» **To do**
The expected output is the line bearing "#197=IFCRELAGGREGATES('0000000000000000000012',$,$,$,#11,(#15));" followed by all remaining lines of the records, each restated word for word.

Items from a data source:

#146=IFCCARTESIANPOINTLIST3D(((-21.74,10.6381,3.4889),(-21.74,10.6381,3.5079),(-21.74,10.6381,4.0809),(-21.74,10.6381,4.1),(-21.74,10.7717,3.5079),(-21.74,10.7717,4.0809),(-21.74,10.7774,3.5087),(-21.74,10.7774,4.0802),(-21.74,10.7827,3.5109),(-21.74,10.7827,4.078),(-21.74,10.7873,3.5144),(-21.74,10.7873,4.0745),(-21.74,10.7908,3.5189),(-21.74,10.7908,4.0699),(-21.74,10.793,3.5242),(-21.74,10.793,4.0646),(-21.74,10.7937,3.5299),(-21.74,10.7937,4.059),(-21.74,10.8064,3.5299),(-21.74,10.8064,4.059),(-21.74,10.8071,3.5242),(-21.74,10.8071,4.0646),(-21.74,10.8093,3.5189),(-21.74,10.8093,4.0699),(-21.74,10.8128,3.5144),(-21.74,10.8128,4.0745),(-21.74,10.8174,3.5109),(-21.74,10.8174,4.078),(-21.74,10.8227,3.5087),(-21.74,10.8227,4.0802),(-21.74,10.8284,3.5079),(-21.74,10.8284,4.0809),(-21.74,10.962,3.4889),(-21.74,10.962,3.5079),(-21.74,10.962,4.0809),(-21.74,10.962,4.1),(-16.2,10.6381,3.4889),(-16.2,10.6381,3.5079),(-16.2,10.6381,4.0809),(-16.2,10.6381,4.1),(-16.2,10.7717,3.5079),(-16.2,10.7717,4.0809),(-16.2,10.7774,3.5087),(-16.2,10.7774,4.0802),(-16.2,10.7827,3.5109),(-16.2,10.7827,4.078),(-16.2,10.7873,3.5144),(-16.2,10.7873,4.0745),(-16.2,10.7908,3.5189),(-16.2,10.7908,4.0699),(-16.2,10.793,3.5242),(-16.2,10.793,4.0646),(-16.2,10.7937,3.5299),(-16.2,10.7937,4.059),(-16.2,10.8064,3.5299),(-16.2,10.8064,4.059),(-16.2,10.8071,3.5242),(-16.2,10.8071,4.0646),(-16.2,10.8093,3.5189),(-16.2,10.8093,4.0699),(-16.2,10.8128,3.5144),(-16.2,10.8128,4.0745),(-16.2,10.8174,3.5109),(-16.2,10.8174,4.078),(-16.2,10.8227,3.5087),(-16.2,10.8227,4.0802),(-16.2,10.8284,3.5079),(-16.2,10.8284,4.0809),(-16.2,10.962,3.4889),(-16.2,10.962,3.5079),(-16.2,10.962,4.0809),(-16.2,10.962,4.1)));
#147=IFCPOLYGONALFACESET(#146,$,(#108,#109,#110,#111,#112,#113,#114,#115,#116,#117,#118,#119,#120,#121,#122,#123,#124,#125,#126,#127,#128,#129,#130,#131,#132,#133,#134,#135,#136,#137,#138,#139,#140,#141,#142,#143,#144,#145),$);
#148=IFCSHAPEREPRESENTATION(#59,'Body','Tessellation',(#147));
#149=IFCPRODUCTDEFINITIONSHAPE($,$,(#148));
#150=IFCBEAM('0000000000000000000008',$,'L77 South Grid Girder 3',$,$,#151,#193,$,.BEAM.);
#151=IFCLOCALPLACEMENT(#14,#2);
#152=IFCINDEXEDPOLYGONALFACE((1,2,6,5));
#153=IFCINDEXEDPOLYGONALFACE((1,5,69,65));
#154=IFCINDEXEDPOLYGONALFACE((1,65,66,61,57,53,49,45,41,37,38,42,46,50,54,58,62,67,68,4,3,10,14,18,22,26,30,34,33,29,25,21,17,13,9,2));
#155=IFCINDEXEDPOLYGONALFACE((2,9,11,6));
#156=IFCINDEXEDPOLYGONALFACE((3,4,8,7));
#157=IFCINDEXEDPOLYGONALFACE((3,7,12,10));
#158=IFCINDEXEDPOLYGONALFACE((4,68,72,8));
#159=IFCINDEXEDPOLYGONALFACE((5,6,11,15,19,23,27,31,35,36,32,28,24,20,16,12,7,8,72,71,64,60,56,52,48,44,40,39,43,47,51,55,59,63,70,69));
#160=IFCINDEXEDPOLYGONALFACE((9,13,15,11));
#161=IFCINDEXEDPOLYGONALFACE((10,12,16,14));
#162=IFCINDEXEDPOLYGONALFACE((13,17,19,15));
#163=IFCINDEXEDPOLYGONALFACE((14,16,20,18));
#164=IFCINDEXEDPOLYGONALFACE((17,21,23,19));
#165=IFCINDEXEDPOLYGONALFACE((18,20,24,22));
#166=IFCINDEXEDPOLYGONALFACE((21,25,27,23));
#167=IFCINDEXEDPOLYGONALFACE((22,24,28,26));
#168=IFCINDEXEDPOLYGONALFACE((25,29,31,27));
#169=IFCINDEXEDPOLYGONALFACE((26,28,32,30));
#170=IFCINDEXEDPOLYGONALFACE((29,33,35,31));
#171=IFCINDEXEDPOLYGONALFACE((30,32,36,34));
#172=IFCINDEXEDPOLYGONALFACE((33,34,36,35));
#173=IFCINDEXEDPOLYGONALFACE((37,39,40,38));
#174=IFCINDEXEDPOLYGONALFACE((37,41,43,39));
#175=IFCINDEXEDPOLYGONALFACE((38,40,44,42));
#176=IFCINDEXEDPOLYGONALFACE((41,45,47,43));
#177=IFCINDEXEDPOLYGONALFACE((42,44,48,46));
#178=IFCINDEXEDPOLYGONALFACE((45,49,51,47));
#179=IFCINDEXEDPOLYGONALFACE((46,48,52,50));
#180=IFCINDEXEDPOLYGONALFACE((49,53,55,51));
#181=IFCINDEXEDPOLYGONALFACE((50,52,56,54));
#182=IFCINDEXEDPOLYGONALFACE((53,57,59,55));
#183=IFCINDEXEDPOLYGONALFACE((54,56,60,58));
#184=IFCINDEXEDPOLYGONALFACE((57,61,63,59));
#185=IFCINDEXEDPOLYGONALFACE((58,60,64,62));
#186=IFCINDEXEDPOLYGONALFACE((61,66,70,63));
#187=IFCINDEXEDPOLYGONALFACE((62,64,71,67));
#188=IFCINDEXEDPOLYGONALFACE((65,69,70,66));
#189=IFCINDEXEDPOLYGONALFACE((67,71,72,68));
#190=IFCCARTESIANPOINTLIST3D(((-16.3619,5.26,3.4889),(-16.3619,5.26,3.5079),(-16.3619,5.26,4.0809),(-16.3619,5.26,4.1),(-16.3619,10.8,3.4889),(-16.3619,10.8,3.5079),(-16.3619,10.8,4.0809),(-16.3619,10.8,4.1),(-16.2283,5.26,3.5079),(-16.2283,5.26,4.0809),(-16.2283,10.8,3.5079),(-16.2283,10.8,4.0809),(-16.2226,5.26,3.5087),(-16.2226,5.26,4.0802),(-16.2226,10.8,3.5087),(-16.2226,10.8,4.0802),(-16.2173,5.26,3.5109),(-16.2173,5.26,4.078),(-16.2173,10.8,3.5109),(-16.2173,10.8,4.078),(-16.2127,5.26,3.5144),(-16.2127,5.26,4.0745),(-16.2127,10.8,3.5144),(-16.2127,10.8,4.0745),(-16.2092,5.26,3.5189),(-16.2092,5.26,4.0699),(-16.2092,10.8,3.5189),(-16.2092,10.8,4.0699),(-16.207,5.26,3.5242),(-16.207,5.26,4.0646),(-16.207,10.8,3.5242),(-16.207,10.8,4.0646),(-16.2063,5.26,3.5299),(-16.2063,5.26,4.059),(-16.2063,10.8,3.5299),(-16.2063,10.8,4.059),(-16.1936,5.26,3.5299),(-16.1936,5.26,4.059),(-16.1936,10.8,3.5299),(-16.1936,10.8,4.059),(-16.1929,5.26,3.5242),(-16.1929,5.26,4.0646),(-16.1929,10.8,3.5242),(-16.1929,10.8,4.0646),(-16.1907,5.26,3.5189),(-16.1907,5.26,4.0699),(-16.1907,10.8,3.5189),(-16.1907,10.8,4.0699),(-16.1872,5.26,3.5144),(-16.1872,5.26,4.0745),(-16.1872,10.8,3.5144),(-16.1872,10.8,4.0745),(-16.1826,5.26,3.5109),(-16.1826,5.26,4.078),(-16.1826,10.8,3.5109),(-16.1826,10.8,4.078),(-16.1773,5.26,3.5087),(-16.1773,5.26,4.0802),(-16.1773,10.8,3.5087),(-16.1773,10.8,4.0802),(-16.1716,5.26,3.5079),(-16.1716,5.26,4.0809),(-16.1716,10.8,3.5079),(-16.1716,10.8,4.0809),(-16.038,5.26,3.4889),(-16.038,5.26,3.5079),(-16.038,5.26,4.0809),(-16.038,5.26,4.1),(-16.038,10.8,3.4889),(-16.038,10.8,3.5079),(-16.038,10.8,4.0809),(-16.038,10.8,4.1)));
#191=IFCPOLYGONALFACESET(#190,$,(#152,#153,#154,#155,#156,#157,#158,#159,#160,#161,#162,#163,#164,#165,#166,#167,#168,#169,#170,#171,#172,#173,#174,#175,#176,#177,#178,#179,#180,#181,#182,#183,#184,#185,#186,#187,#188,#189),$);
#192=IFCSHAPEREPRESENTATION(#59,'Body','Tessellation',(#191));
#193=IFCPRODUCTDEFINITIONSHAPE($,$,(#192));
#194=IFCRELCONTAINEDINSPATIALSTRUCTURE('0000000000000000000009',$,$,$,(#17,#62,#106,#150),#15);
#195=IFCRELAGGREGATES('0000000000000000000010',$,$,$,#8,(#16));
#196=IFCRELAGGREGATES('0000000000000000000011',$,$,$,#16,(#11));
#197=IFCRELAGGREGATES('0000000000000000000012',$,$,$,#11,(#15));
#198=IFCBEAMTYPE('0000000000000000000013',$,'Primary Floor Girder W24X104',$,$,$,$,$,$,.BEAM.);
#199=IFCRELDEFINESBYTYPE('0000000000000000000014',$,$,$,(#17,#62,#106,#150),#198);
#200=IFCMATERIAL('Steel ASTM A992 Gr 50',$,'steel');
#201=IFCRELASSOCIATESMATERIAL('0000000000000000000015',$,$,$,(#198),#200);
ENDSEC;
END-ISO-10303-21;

» **Solution to this task**
#197=IFCRELAGGREGATES('0000000000000000000012',$,$,$,#11,(#15));
#198=IFCBEAMTYPE('0000000000000000000013',$,'Primary Floor Girder W24X104',$,$,$,$,$,$,.BEAM.);
#199=IFCRELDEFINESBYTYPE('0000000000000000000014',$,$,$,(#17,#62,#106,#150),#198);
#200=IFCMATERIAL('Steel ASTM A992 Gr 50',$,'steel');
#201=IFCRELASSOCIATESMATERIAL('0000000000000000000015',$,$,$,(#198),#200);
ENDSEC;
END-ISO-10303-21;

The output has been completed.